:: PROVIDED INFORMATION ::

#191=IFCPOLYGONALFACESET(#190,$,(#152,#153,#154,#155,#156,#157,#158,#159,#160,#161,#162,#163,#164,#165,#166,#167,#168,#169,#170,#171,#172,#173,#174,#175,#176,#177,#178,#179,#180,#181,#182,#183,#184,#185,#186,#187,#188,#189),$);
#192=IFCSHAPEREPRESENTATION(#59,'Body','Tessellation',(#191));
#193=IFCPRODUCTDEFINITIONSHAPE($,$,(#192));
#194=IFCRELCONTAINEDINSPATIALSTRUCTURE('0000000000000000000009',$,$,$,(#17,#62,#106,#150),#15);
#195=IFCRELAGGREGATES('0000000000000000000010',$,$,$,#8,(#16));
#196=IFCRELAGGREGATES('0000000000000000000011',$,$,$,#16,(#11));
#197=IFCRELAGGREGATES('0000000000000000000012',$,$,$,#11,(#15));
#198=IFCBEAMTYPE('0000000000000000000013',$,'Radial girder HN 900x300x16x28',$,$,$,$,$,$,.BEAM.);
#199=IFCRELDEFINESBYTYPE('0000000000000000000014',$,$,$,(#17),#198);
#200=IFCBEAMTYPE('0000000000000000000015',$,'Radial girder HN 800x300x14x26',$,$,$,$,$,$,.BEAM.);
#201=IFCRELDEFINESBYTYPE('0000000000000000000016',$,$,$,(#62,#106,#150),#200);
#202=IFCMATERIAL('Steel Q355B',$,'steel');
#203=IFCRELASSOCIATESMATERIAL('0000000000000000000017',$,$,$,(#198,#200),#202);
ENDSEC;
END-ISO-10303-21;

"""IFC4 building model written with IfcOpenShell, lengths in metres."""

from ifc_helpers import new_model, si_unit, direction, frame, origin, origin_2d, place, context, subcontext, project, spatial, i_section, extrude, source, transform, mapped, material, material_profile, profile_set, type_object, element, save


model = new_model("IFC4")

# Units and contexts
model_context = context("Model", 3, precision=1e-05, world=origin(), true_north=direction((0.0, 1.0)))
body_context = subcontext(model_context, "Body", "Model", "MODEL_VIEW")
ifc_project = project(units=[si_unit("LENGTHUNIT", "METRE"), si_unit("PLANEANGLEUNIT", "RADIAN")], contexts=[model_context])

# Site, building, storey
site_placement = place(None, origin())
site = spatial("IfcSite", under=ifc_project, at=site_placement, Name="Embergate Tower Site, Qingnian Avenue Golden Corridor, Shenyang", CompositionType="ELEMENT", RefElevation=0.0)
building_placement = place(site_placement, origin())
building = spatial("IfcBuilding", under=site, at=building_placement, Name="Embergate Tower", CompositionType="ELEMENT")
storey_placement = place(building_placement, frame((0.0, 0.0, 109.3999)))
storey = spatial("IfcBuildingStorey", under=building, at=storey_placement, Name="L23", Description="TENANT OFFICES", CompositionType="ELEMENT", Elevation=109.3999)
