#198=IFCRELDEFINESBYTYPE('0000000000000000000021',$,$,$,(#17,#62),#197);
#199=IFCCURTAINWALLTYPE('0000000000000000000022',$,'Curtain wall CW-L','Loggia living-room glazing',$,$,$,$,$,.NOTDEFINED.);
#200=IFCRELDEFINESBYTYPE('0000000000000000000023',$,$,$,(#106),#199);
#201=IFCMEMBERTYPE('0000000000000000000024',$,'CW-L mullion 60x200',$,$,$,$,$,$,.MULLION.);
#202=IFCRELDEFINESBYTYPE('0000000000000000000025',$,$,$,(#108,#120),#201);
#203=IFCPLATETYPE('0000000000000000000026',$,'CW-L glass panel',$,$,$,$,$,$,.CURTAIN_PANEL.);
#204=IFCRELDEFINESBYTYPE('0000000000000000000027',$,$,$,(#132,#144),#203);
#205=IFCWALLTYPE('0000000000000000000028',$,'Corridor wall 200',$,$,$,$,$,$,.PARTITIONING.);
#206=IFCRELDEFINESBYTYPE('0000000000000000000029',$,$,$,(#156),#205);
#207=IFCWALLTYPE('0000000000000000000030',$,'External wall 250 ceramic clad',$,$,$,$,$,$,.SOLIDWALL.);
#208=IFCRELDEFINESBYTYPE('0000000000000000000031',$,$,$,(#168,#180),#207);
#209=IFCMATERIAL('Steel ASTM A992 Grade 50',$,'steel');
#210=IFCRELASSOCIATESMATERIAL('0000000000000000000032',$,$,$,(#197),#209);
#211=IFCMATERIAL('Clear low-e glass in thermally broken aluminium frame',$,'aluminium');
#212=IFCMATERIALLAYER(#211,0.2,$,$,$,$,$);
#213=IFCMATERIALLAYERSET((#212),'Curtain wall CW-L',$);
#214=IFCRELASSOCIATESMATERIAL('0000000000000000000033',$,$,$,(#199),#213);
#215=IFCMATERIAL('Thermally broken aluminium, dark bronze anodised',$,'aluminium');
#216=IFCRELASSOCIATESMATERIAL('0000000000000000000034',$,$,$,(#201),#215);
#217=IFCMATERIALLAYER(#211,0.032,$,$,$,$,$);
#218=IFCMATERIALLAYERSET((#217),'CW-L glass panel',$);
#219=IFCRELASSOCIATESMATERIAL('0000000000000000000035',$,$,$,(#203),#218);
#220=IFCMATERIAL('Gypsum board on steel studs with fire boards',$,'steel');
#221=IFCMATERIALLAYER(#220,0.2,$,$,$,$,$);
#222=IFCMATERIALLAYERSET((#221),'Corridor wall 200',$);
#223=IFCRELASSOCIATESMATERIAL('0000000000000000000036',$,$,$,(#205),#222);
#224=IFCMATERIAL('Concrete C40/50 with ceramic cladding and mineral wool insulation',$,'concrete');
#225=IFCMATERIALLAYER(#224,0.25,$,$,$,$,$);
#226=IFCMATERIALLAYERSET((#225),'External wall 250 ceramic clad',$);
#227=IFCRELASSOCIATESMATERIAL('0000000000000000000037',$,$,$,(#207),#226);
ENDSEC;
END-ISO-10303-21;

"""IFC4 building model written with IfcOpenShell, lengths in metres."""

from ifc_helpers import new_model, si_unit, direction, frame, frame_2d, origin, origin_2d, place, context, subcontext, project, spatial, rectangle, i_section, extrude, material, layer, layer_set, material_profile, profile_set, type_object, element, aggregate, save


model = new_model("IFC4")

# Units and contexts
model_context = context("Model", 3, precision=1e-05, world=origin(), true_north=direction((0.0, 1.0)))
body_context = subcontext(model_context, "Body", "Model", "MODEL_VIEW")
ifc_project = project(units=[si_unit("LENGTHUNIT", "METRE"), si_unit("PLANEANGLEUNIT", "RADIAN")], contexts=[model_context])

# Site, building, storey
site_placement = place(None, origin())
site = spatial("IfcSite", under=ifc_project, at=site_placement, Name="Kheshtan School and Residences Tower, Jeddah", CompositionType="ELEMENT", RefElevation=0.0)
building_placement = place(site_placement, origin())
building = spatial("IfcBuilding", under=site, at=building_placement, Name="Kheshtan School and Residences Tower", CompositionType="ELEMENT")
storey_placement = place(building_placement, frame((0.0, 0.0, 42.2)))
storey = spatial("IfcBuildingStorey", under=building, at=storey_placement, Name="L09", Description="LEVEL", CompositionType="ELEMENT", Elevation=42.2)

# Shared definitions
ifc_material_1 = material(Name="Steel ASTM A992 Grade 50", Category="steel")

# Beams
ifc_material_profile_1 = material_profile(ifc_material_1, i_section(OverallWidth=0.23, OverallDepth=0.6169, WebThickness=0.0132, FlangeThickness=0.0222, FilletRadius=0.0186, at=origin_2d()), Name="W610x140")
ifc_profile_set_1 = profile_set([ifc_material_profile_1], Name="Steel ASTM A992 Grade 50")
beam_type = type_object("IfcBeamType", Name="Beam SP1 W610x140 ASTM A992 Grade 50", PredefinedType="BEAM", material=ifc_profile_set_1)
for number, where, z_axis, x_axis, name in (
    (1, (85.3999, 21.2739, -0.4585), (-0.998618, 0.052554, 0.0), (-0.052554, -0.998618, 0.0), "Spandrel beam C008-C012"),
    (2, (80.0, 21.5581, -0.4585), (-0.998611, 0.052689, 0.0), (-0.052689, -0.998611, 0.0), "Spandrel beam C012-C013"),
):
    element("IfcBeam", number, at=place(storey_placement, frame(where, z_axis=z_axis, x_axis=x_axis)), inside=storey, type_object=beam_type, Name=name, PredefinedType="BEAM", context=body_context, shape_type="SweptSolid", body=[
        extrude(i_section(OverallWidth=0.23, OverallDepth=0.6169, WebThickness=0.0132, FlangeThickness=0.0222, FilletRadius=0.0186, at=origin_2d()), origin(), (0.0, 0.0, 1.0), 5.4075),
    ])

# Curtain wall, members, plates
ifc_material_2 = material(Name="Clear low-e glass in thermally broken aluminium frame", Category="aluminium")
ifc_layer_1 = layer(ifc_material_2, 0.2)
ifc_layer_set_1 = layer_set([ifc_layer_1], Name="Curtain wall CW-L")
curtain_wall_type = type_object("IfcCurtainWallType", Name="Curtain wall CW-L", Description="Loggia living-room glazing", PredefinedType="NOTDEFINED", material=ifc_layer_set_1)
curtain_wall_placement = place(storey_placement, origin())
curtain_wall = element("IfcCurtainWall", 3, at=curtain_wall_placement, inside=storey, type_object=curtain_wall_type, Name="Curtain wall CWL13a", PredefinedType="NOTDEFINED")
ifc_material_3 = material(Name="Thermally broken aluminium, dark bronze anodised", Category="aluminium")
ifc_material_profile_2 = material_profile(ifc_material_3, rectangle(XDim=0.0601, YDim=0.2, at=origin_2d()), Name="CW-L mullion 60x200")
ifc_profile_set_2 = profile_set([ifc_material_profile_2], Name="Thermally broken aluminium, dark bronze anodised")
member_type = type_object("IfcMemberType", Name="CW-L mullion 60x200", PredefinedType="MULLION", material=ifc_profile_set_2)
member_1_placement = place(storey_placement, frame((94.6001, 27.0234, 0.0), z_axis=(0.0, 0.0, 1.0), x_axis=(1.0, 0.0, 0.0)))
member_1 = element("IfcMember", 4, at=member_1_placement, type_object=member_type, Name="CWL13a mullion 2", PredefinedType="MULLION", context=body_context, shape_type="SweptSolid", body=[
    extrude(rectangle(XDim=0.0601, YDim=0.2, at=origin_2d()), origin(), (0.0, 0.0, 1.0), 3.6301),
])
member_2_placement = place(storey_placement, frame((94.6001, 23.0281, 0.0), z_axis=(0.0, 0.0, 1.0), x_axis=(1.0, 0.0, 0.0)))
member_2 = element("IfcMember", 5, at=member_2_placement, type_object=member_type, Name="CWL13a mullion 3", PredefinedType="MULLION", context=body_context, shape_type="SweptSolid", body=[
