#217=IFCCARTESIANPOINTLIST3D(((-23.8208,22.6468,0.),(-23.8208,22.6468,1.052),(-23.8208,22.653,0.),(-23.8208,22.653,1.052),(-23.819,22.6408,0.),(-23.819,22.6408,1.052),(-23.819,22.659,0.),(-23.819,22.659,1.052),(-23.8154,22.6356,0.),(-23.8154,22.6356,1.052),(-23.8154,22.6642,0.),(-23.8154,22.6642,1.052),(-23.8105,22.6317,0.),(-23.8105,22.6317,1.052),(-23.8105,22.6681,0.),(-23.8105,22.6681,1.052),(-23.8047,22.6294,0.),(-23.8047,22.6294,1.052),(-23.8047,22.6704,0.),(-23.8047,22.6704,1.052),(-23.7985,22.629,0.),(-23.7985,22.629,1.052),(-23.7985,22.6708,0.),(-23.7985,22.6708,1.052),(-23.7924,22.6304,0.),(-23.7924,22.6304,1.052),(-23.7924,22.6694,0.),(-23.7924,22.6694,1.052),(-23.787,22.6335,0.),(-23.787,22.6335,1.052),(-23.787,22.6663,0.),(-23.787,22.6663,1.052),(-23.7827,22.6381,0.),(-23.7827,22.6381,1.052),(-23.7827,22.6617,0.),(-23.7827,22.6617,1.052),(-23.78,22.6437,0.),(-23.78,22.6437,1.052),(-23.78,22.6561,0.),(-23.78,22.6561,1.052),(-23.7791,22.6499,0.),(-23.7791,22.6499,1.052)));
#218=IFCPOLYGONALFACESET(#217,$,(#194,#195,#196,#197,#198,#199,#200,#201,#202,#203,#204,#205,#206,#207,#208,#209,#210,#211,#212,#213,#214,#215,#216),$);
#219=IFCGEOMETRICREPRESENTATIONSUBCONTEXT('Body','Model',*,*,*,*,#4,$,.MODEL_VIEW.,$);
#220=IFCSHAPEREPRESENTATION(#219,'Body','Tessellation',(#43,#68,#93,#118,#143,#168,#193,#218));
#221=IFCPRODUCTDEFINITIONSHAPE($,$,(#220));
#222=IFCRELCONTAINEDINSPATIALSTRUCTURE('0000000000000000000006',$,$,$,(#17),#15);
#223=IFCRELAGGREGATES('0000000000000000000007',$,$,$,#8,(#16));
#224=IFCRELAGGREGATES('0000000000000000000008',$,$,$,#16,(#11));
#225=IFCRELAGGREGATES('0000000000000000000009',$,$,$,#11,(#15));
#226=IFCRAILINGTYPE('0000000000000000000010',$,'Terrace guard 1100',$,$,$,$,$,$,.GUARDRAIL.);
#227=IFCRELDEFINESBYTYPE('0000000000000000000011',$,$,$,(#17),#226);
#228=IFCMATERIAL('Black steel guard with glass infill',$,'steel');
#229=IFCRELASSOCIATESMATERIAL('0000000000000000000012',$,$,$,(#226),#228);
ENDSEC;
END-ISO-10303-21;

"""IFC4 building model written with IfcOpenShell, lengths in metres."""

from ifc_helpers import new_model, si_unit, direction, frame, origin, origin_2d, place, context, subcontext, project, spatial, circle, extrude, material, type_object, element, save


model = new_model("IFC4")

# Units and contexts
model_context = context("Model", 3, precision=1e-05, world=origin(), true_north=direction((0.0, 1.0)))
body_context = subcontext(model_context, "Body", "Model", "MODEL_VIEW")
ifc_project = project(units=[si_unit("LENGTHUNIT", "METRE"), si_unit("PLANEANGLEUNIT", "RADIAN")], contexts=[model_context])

:: WHAT IS BEING ASKED ::
The lines above that hold the word "NOTDEFINED" should be found and copied out.

:: TASK OUTPUT ::
#199=IFCCURTAINWALLTYPE('0000000000000000000022',$,'Curtain wall CW-L','Loggia living-room glazing',$,$,$,$,$,.NOTDEFINED.);
curtain_wall_type = type_object("IfcCurtainWallType", Name="Curtain wall CW-L", Description="Loggia living-room glazing", PredefinedType="NOTDEFINED", material=ifc_layer_set_1)
curtain_wall = element("IfcCurtainWall", 3, at=curtain_wall_placement, inside=storey, type_object=curtain_wall_type, Name="Curtain wall CWL13a", PredefinedType="NOTDEFINED")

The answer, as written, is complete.